[ENTRIES PROVIDED — start]

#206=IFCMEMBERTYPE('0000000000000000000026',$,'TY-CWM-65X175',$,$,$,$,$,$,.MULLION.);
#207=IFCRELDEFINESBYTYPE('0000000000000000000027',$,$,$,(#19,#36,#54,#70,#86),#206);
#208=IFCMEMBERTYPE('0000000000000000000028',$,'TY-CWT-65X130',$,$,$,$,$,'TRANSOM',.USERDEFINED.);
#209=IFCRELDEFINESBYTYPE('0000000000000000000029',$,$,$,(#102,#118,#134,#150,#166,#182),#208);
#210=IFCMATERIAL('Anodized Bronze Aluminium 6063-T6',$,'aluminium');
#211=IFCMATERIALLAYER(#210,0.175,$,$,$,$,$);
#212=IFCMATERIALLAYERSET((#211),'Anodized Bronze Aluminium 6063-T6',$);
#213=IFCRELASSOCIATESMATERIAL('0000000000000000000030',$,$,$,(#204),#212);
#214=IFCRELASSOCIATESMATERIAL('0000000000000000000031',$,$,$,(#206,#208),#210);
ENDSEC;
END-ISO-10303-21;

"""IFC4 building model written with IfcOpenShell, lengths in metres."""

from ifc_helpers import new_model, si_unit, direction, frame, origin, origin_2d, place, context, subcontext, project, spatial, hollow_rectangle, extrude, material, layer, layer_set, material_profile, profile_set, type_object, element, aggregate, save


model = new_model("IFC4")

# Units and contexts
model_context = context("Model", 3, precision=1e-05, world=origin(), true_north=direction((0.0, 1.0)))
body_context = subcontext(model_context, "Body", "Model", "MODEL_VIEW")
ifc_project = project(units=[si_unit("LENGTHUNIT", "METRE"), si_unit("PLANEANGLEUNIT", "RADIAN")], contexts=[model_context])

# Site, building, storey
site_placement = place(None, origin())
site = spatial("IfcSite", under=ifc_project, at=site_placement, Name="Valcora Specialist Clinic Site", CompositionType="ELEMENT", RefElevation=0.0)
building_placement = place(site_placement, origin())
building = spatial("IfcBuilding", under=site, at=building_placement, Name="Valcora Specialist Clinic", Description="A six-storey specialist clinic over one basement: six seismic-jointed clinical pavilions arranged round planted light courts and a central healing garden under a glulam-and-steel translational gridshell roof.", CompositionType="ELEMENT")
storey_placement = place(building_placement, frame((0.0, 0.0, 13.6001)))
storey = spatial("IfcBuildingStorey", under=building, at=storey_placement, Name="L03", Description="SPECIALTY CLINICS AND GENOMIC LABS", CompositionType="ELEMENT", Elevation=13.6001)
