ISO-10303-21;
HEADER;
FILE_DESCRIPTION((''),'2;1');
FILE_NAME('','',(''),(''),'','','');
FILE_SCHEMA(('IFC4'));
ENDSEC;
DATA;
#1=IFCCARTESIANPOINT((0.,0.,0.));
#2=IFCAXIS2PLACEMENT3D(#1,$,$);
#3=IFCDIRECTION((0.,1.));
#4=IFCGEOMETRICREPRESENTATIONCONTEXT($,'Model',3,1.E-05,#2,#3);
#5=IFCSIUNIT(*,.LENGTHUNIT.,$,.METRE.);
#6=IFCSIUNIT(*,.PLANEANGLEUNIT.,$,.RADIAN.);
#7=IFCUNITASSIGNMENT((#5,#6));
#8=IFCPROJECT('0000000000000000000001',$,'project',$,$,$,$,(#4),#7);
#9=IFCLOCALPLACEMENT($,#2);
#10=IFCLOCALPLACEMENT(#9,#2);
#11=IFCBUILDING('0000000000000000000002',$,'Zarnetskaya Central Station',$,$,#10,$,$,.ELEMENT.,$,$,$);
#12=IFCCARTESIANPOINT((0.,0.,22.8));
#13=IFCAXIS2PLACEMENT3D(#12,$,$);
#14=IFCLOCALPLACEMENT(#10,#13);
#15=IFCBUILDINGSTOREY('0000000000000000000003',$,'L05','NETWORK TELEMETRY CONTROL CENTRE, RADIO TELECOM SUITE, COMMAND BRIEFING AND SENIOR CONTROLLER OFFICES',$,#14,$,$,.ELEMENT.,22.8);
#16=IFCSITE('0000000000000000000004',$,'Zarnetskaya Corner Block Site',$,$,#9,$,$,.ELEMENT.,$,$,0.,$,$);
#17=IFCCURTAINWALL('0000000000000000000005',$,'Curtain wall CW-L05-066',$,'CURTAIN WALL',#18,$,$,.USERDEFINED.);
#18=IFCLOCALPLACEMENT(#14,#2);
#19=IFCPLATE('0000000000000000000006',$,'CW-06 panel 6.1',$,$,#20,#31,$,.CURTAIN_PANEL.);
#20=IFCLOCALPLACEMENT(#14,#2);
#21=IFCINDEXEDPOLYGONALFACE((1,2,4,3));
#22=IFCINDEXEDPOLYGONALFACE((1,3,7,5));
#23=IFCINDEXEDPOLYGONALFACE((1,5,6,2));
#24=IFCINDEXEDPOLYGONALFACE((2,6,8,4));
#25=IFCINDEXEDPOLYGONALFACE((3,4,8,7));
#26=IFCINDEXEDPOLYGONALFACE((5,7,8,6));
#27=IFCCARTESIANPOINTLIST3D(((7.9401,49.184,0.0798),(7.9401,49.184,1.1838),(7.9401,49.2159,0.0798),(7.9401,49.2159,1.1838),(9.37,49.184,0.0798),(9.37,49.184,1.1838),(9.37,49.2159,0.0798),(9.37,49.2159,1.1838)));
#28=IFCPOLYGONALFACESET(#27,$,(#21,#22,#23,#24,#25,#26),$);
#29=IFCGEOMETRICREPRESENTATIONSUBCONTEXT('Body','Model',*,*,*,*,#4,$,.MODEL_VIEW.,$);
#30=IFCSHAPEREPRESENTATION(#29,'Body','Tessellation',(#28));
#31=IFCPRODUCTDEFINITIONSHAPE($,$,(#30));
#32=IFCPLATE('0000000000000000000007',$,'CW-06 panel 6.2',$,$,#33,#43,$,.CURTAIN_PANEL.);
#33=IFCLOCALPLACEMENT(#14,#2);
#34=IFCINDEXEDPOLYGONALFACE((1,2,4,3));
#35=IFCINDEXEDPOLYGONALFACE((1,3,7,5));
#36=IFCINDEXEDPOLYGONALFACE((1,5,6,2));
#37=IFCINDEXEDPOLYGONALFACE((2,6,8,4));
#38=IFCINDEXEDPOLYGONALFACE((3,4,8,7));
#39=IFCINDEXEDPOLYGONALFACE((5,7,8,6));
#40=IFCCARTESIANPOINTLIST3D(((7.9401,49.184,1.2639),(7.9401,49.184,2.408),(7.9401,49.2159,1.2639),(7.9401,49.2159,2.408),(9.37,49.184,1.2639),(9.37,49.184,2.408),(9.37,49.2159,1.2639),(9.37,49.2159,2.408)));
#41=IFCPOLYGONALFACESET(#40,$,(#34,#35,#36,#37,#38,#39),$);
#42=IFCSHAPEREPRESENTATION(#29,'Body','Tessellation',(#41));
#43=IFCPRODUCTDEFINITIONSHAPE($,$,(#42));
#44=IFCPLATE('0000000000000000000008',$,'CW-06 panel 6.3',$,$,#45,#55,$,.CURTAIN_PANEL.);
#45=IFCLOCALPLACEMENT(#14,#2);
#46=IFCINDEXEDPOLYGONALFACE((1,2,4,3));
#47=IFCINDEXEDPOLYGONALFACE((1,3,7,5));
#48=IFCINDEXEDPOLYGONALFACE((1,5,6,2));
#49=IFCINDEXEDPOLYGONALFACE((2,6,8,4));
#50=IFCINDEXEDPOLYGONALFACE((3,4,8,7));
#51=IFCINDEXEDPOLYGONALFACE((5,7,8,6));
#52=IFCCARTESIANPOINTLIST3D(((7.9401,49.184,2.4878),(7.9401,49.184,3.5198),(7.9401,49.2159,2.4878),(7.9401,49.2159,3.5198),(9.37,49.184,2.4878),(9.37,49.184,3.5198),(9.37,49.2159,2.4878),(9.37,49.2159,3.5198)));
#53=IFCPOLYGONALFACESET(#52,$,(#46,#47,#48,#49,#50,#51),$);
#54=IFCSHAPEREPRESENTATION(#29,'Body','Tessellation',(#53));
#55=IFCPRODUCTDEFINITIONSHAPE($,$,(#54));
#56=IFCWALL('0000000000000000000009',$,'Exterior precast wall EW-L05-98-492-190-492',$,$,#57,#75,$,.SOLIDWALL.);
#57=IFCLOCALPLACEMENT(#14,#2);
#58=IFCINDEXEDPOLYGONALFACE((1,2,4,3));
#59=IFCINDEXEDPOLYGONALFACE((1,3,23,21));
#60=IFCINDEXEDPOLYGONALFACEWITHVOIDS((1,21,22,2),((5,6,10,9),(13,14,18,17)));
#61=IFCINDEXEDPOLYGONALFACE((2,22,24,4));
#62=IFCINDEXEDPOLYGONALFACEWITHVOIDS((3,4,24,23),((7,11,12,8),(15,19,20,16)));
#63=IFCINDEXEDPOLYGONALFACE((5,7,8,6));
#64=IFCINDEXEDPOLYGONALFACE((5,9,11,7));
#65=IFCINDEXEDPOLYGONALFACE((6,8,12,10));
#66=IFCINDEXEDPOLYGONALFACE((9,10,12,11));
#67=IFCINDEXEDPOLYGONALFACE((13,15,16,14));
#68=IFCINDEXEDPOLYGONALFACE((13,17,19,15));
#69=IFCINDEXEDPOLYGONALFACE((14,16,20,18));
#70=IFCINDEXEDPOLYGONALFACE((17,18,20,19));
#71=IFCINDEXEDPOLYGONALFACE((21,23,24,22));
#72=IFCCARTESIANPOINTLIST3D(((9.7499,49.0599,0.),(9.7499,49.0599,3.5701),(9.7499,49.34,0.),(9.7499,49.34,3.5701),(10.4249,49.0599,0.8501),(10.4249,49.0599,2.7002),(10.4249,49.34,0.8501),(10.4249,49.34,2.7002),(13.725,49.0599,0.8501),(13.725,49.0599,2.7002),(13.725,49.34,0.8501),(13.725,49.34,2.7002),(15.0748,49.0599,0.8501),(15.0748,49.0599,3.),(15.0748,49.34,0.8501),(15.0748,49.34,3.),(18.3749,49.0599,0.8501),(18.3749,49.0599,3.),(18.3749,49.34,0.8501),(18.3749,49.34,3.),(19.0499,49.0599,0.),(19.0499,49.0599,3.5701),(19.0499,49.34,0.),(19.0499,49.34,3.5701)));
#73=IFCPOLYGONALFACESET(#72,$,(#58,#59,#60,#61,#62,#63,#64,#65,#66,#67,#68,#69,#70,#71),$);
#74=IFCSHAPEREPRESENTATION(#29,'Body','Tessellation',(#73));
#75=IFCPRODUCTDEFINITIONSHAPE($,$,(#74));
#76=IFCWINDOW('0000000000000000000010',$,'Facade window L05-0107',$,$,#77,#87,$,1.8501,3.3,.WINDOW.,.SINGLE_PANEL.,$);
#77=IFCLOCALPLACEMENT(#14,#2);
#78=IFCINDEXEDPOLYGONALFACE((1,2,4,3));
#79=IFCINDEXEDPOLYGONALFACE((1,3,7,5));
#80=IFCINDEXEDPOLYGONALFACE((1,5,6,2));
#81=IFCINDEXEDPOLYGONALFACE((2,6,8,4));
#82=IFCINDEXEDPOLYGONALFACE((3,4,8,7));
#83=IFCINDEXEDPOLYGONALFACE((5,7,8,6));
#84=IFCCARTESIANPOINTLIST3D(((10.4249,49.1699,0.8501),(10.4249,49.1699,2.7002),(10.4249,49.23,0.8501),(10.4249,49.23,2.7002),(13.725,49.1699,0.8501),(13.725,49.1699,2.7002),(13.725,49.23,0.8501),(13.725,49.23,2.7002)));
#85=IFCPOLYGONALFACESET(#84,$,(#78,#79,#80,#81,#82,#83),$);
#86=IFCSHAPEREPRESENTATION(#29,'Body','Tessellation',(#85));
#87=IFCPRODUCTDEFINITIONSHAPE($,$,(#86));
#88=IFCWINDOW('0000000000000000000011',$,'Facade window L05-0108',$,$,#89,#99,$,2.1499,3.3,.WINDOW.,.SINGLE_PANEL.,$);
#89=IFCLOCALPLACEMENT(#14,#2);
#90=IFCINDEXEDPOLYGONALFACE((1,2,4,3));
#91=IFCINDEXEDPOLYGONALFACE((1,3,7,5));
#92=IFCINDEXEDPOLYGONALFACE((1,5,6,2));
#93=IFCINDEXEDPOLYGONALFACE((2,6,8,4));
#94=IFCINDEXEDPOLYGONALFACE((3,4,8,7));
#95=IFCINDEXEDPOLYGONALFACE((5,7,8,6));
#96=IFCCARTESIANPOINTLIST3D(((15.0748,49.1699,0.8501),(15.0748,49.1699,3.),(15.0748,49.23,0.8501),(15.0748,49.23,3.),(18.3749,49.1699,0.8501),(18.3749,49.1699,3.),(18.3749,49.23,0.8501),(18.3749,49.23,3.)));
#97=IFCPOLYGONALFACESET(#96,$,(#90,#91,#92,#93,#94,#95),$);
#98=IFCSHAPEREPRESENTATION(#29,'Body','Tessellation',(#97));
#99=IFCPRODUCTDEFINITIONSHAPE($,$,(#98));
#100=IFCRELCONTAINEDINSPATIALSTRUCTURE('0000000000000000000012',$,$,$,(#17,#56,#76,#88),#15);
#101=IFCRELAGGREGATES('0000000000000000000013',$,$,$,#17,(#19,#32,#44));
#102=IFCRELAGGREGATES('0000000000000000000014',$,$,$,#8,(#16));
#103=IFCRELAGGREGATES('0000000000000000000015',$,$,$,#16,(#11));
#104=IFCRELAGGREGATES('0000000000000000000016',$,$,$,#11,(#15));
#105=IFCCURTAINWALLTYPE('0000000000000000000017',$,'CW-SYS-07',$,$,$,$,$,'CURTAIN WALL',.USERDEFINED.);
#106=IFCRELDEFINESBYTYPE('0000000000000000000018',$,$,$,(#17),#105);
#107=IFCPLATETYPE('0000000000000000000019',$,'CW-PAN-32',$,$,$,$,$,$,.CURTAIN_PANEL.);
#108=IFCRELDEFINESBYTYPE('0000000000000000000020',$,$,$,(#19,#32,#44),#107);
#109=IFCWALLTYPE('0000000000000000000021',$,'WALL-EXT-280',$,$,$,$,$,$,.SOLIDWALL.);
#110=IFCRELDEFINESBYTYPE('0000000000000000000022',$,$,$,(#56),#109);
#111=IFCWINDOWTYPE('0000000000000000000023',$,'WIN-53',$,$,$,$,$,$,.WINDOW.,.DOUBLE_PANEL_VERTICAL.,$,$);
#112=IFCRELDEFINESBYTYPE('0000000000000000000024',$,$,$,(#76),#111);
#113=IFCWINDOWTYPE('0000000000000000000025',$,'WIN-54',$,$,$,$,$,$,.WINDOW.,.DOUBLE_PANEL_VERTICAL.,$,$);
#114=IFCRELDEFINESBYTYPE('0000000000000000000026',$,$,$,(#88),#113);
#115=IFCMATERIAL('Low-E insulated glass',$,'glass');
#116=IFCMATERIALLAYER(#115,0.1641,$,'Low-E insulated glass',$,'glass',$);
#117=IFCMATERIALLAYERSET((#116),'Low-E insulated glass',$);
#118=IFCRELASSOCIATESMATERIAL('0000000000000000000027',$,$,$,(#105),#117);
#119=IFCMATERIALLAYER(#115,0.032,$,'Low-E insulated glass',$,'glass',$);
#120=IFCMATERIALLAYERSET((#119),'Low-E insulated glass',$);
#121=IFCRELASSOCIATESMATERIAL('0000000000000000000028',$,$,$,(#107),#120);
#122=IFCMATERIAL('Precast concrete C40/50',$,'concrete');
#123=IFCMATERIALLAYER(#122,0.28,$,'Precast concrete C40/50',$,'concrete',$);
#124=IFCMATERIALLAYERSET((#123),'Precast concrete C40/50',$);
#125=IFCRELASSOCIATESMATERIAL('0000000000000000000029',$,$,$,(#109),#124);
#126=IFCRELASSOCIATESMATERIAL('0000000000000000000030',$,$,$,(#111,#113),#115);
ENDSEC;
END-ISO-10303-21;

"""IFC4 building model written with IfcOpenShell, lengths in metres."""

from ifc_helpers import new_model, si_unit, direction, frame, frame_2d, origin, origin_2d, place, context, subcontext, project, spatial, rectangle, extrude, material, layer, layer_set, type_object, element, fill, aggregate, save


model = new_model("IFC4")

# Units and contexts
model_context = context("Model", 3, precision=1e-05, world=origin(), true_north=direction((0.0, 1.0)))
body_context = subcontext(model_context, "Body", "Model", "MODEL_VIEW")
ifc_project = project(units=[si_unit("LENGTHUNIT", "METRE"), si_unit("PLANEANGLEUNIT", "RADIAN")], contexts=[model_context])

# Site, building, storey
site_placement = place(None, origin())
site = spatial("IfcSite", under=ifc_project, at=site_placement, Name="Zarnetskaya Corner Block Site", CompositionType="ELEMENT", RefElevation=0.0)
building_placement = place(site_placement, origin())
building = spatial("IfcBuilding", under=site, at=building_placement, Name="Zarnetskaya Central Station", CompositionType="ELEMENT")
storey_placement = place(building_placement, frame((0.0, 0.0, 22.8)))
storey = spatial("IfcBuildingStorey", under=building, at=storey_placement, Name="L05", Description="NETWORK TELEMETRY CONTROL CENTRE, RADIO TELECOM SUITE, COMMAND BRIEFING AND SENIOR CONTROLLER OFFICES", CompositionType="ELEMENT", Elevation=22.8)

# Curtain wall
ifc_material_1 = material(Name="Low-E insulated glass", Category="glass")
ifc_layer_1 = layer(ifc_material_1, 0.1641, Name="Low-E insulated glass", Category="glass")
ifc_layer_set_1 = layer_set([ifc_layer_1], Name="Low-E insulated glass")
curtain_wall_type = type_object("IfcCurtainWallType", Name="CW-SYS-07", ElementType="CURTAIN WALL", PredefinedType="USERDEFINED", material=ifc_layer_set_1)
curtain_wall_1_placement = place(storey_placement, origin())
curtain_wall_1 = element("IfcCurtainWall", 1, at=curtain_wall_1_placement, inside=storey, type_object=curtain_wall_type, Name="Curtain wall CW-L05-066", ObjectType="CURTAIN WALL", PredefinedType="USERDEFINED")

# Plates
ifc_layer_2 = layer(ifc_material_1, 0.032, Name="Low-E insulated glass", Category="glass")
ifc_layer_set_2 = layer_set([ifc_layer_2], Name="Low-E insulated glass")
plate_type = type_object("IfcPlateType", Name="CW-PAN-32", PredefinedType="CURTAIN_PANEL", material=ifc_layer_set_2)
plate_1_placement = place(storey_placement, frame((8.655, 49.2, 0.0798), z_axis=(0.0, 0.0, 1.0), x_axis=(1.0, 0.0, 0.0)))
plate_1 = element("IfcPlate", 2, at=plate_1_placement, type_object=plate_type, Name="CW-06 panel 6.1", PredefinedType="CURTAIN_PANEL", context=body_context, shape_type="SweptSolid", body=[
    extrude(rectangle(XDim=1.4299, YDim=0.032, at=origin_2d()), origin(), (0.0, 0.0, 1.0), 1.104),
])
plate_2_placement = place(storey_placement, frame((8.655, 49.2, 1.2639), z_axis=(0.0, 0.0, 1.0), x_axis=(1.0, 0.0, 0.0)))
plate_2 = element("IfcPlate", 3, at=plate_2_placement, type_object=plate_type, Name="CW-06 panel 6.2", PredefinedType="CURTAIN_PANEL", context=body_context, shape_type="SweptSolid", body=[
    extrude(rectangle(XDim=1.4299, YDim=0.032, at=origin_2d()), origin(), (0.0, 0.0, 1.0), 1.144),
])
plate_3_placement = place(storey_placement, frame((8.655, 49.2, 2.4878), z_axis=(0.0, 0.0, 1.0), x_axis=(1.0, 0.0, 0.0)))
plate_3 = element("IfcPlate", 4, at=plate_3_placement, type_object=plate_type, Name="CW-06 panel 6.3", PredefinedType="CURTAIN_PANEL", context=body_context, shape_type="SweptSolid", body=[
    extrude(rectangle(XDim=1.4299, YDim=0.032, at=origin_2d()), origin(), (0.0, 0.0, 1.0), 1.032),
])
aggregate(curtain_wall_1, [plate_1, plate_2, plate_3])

[ENTRIES PROVIDED — finish]

[AIM OF THE EXERCISE] In your answer, include only the lines above starting at the line that holds "#21=IFCINDEXEDPOLYGONALFACE((1,2,4,3));" and ending at the line that holds "#31=IFCPRODUCTDEFINITIONSHAPE($,$,(#30));", copied exactly.

[PROBLEM SOLUTION]
#21=IFCINDEXEDPOLYGONALFACE((1,2,4,3));
#22=IFCINDEXEDPOLYGONALFACE((1,3,7,5));
#23=IFCINDEXEDPOLYGONALFACE((1,5,6,2));
#24=IFCINDEXEDPOLYGONALFACE((2,6,8,4));
#25=IFCINDEXEDPOLYGONALFACE((3,4,8,7));
#26=IFCINDEXEDPOLYGONALFACE((5,7,8,6));
#27=IFCCARTESIANPOINTLIST3D(((7.9401,49.184,0.0798),(7.9401,49.184,1.1838),(7.9401,49.2159,0.0798),(7.9401,49.2159,1.1838),(9.37,49.184,0.0798),(9.37,49.184,1.1838),(9.37,49.2159,0.0798),(9.37,49.2159,1.1838)));
#28=IFCPOLYGONALFACESET(#27,$,(#21,#22,#23,#24,#25,#26),$);
#29=IFCGEOMETRICREPRESENTATIONSUBCONTEXT('Body','Model',*,*,*,*,#4,$,.MODEL_VIEW.,$);
#30=IFCSHAPEREPRESENTATION(#29,'Body','Tessellation',(#28));
#31=IFCPRODUCTDEFINITIONSHAPE($,$,(#30));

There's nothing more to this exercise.